§ What is being asked
The answer must be an exact copy of every entry.

──────

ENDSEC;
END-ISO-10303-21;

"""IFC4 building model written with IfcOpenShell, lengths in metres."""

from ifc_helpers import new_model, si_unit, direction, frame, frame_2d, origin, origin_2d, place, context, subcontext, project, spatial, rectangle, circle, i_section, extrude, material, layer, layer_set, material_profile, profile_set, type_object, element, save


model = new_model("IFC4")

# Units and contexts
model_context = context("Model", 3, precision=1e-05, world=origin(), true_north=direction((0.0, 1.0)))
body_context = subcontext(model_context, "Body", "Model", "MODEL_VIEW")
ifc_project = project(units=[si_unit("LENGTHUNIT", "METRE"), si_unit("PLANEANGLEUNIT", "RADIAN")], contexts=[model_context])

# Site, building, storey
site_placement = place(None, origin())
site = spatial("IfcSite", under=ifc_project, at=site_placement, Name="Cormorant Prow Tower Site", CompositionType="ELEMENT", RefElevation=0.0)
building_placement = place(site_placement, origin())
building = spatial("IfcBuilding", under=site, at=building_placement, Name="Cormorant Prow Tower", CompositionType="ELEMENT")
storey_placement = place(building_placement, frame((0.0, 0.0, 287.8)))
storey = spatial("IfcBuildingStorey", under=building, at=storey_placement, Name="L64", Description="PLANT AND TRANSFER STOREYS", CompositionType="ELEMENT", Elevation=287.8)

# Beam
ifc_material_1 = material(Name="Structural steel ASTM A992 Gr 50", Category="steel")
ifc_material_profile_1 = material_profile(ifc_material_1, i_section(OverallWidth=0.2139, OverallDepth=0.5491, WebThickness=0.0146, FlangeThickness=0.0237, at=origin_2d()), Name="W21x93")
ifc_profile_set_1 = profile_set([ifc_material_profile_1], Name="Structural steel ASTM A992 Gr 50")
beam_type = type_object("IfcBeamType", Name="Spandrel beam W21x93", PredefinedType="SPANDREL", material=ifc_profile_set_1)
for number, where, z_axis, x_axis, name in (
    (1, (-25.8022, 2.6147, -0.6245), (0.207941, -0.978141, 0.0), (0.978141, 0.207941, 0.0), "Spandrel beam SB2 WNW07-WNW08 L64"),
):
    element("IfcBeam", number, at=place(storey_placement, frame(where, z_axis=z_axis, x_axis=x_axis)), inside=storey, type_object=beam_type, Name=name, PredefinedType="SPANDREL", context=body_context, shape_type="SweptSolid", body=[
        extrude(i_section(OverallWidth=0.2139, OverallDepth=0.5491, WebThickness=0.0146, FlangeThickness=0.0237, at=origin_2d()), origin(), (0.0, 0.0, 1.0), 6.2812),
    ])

──────

§ Task output
ENDSEC;
END-ISO-10303-21;

"""IFC4 building model written with IfcOpenShell, lengths in metres."""

from ifc_helpers import new_model, si_unit, direction, frame, frame_2d, origin, origin_2d, place, context, subcontext, project, spatial, rectangle, circle, i_section, extrude, material, layer, layer_set, material_profile, profile_set, type_object, element, save


model = new_model("IFC4")

# Units and contexts
model_context = context("Model", 3, precision=1e-05, world=origin(), true_north=direction((0.0, 1.0)))
body_context = subcontext(model_context, "Body", "Model", "MODEL_VIEW")
ifc_project = project(units=[si_unit("LENGTHUNIT", "METRE"), si_unit("PLANEANGLEUNIT", "RADIAN")], contexts=[model_context])

# Site, building, storey
site_placement = place(None, origin())
site = spatial("IfcSite", under=ifc_project, at=site_placement, Name="Cormorant Prow Tower Site", CompositionType="ELEMENT", RefElevation=0.0)
building_placement = place(site_placement, origin())
building = spatial("IfcBuilding", under=site, at=building_placement, Name="Cormorant Prow Tower", CompositionType="ELEMENT")
storey_placement = place(building_placement, frame((0.0, 0.0, 287.8)))
storey = spatial("IfcBuildingStorey", under=building, at=storey_placement, Name="L64", Description="PLANT AND TRANSFER STOREYS", CompositionType="ELEMENT", Elevation=287.8)

# Beam
ifc_material_1 = material(Name="Structural steel ASTM A992 Gr 50", Category="steel")
ifc_material_profile_1 = material_profile(ifc_material_1, i_section(OverallWidth=0.2139, OverallDepth=0.5491, WebThickness=0.0146, FlangeThickness=0.0237, at=origin_2d()), Name="W21x93")
ifc_profile_set_1 = profile_set([ifc_material_profile_1], Name="Structural steel ASTM A992 Gr 50")
beam_type = type_object("IfcBeamType", Name="Spandrel beam W21x93", PredefinedType="SPANDREL", material=ifc_profile_set_1)
for number, where, z_axis, x_axis, name in (
    (1, (-25.8022, 2.6147, -0.6245), (0.207941, -0.978141, 0.0), (0.978141, 0.207941, 0.0), "Spandrel beam SB2 WNW07-WNW08 L64"),
):
    element("IfcBeam", number, at=place(storey_placement, frame(where, z_axis=z_axis, x_axis=x_axis)), inside=storey, type_object=beam_type, Name=name, PredefinedType="SPANDREL", context=body_context, shape_type="SweptSolid", body=[
        extrude(i_section(OverallWidth=0.2139, OverallDepth=0.5491, WebThickness=0.0146, FlangeThickness=0.0237, at=origin_2d()), origin(), (0.0, 0.0, 1.0), 6.2812),
    ])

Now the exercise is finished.